▶ **WORK ORDER**: Set down word for word the lines that begin the entries and run through the line containing "#74=IFCINDEXEDPOLYGONALFACE((29,33,34,30));". Give nothing further.

--------------------------------

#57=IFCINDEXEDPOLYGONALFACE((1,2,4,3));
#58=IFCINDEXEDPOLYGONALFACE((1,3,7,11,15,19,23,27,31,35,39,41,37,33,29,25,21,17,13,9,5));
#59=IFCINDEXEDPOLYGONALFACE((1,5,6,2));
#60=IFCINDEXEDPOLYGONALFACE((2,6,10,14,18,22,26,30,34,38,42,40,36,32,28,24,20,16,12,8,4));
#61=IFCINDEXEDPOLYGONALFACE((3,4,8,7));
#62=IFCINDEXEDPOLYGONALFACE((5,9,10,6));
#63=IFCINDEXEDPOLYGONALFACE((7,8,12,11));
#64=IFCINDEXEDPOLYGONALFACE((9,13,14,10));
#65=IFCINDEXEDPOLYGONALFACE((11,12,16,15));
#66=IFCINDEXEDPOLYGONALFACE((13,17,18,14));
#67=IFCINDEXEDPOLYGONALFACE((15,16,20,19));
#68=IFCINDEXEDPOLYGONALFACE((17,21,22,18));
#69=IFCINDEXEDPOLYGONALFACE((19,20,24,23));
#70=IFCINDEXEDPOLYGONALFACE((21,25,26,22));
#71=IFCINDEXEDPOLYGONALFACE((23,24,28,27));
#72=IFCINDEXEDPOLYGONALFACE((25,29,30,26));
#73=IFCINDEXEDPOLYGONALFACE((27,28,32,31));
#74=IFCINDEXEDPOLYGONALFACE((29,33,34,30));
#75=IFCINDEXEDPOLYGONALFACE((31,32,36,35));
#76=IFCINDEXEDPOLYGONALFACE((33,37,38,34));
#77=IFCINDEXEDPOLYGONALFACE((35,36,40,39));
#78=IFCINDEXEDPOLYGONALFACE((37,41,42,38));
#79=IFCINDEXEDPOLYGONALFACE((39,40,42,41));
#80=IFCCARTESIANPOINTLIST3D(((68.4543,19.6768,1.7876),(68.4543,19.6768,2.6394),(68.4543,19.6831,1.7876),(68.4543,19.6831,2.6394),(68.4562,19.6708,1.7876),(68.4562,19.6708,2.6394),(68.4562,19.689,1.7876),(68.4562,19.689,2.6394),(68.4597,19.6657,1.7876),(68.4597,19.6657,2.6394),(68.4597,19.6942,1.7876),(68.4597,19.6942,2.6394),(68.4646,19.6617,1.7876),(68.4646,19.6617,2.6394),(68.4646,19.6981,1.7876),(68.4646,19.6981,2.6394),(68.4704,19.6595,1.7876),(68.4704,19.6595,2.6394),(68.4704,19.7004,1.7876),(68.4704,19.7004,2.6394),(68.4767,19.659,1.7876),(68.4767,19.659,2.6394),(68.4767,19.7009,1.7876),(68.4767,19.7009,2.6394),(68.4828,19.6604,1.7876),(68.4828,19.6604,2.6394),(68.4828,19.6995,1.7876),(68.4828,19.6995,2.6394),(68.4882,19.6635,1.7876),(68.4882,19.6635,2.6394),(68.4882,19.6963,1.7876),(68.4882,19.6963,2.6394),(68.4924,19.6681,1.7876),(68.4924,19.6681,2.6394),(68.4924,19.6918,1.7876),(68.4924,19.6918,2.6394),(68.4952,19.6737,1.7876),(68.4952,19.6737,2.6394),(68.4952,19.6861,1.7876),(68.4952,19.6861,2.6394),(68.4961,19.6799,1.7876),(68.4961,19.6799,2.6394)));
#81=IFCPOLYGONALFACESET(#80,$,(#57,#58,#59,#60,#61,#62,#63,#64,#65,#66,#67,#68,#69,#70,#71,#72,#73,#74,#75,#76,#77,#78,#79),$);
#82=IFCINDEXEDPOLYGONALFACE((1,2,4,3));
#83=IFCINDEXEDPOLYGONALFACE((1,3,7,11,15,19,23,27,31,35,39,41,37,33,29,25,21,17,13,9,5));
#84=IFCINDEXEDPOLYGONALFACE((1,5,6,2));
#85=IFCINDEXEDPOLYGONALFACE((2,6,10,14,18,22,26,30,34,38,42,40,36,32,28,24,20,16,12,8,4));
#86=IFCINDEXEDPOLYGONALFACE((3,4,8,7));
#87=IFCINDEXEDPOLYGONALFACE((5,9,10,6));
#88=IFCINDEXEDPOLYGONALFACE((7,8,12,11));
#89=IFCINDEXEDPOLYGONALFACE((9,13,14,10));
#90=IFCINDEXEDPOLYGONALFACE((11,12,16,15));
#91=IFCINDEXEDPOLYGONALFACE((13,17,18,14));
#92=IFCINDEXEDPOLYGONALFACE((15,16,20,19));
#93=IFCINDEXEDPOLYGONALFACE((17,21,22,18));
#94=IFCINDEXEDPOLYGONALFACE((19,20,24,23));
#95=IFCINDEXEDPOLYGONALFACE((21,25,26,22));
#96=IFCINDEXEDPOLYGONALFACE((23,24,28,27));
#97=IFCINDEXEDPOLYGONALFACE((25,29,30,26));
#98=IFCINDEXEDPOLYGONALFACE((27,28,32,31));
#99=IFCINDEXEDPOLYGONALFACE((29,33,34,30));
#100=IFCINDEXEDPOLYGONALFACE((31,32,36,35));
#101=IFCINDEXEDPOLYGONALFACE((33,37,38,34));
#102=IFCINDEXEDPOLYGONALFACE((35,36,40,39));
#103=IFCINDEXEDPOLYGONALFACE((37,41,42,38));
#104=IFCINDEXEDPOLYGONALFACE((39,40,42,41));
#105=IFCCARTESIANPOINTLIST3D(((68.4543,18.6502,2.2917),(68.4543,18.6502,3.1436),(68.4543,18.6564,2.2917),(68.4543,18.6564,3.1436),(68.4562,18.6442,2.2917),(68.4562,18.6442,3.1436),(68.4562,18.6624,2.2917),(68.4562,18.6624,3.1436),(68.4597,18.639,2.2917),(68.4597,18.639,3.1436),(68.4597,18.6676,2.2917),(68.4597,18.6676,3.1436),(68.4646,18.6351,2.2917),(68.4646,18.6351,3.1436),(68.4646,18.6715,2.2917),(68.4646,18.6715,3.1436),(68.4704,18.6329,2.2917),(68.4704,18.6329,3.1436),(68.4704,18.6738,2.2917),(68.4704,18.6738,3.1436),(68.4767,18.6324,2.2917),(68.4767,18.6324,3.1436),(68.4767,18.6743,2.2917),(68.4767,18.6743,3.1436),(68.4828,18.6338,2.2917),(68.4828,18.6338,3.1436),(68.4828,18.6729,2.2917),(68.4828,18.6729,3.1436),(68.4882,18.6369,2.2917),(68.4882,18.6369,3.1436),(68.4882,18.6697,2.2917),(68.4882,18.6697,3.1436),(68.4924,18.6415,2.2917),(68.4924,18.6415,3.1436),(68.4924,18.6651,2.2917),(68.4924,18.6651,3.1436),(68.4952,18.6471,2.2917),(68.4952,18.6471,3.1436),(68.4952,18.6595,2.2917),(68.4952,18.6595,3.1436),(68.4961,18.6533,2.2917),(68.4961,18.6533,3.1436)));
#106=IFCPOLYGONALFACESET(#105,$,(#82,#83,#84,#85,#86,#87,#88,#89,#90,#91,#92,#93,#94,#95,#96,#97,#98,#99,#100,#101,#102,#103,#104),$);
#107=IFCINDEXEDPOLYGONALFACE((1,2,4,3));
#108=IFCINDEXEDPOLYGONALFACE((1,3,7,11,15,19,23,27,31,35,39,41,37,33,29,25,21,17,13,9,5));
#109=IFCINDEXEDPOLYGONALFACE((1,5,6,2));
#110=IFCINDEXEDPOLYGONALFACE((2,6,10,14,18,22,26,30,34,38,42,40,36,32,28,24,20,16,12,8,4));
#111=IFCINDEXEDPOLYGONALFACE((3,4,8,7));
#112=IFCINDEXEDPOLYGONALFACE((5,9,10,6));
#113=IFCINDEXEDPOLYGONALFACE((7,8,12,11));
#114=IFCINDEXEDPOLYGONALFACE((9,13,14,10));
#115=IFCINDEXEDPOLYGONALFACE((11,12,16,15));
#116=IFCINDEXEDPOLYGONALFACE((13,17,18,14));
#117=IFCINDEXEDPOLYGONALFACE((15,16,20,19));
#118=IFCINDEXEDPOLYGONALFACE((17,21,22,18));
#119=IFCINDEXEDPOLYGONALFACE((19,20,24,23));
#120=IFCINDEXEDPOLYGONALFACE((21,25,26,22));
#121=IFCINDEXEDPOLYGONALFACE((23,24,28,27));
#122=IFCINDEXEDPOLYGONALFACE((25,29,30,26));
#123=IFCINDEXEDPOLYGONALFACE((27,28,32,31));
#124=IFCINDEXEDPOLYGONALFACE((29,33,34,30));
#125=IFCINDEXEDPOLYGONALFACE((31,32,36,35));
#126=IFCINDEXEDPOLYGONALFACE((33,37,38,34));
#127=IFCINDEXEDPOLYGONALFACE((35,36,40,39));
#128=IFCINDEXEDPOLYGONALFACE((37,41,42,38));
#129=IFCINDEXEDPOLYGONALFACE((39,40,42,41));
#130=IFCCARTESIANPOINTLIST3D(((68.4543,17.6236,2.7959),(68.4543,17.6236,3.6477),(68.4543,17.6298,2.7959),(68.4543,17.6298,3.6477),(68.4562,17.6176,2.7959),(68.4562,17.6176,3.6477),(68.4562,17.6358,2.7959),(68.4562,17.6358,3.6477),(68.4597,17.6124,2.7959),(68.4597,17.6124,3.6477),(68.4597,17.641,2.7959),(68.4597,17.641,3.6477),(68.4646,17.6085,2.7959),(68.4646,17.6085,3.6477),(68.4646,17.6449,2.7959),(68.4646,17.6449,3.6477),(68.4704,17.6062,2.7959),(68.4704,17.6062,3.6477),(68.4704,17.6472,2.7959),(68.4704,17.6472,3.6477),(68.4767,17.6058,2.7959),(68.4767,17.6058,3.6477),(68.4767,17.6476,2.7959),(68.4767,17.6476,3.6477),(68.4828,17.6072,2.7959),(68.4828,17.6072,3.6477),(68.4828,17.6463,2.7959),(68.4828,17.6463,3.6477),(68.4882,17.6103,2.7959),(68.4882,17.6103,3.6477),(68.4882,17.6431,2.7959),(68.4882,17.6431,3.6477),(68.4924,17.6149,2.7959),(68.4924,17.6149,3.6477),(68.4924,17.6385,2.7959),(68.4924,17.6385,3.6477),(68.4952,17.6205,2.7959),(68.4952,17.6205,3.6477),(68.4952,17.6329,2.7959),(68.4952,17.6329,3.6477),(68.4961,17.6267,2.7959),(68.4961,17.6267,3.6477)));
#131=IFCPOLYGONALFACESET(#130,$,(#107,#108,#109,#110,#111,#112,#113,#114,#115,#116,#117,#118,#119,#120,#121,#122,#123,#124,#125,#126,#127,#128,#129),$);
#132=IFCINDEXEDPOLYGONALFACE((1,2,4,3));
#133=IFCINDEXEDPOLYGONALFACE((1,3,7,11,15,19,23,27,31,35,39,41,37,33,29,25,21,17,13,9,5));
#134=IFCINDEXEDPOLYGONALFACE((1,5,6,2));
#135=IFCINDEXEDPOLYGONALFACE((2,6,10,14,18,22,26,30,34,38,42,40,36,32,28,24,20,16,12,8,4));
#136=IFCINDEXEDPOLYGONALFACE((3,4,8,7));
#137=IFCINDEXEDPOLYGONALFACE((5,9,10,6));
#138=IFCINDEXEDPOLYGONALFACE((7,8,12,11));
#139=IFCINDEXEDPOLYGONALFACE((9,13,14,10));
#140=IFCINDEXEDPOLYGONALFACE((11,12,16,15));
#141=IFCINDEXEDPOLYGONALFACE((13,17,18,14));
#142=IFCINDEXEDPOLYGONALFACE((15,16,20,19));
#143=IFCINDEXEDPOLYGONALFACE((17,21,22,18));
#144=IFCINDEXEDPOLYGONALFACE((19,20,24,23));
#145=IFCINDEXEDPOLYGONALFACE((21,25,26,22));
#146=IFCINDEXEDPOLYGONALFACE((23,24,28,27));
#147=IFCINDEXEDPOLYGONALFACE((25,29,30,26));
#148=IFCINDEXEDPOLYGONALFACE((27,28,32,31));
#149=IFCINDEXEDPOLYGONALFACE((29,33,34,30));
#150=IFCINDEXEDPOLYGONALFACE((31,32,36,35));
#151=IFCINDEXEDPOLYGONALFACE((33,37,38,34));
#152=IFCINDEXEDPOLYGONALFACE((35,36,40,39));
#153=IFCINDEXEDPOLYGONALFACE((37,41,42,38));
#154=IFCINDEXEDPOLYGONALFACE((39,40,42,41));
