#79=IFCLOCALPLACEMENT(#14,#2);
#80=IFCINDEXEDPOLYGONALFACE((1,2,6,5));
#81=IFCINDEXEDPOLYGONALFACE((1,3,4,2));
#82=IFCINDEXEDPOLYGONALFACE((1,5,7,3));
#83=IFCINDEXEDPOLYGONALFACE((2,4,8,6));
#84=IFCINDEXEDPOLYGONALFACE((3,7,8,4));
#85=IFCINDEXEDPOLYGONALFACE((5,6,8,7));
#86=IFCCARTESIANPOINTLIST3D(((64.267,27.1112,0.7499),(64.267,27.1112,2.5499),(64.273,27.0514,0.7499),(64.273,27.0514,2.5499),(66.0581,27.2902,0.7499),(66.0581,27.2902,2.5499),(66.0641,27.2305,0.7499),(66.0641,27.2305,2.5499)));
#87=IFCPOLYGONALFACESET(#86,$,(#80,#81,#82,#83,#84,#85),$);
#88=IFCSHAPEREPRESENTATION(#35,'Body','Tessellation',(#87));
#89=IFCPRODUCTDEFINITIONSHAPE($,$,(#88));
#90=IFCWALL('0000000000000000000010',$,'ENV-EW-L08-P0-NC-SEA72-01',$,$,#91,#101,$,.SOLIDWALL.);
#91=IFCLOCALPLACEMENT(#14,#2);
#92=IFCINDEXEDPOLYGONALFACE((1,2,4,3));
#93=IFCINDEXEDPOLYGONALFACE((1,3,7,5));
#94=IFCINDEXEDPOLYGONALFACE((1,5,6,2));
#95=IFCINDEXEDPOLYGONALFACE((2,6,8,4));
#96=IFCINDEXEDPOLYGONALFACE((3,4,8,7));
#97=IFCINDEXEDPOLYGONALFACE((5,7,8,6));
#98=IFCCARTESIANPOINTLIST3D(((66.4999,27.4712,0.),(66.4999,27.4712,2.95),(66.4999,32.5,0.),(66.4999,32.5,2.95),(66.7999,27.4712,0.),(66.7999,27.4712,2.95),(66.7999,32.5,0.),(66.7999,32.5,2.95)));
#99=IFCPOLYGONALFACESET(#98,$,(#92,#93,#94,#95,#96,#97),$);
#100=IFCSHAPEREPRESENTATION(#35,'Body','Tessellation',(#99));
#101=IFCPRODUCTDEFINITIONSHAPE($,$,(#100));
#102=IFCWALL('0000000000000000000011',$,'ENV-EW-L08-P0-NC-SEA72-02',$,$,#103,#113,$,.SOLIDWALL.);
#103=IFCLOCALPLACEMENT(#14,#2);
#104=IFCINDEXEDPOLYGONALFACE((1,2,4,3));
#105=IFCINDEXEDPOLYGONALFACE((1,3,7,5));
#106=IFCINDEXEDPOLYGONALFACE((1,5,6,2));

--------------------------------

▶ **YOUR RESPONSE**:
#57=IFCINDEXEDPOLYGONALFACE((1,2,4,3));
#58=IFCINDEXEDPOLYGONALFACE((1,3,7,11,15,19,23,27,31,35,39,41,37,33,29,25,21,17,13,9,5));
#59=IFCINDEXEDPOLYGONALFACE((1,5,6,2));
#60=IFCINDEXEDPOLYGONALFACE((2,6,10,14,18,22,26,30,34,38,42,40,36,32,28,24,20,16,12,8,4));
#61=IFCINDEXEDPOLYGONALFACE((3,4,8,7));
#62=IFCINDEXEDPOLYGONALFACE((5,9,10,6));
#63=IFCINDEXEDPOLYGONALFACE((7,8,12,11));
#64=IFCINDEXEDPOLYGONALFACE((9,13,14,10));
#65=IFCINDEXEDPOLYGONALFACE((11,12,16,15));
#66=IFCINDEXEDPOLYGONALFACE((13,17,18,14));
#67=IFCINDEXEDPOLYGONALFACE((15,16,20,19));
#68=IFCINDEXEDPOLYGONALFACE((17,21,22,18));
#69=IFCINDEXEDPOLYGONALFACE((19,20,24,23));
#70=IFCINDEXEDPOLYGONALFACE((21,25,26,22));
#71=IFCINDEXEDPOLYGONALFACE((23,24,28,27));
#72=IFCINDEXEDPOLYGONALFACE((25,29,30,26));
#73=IFCINDEXEDPOLYGONALFACE((27,28,32,31));
#74=IFCINDEXEDPOLYGONALFACE((29,33,34,30));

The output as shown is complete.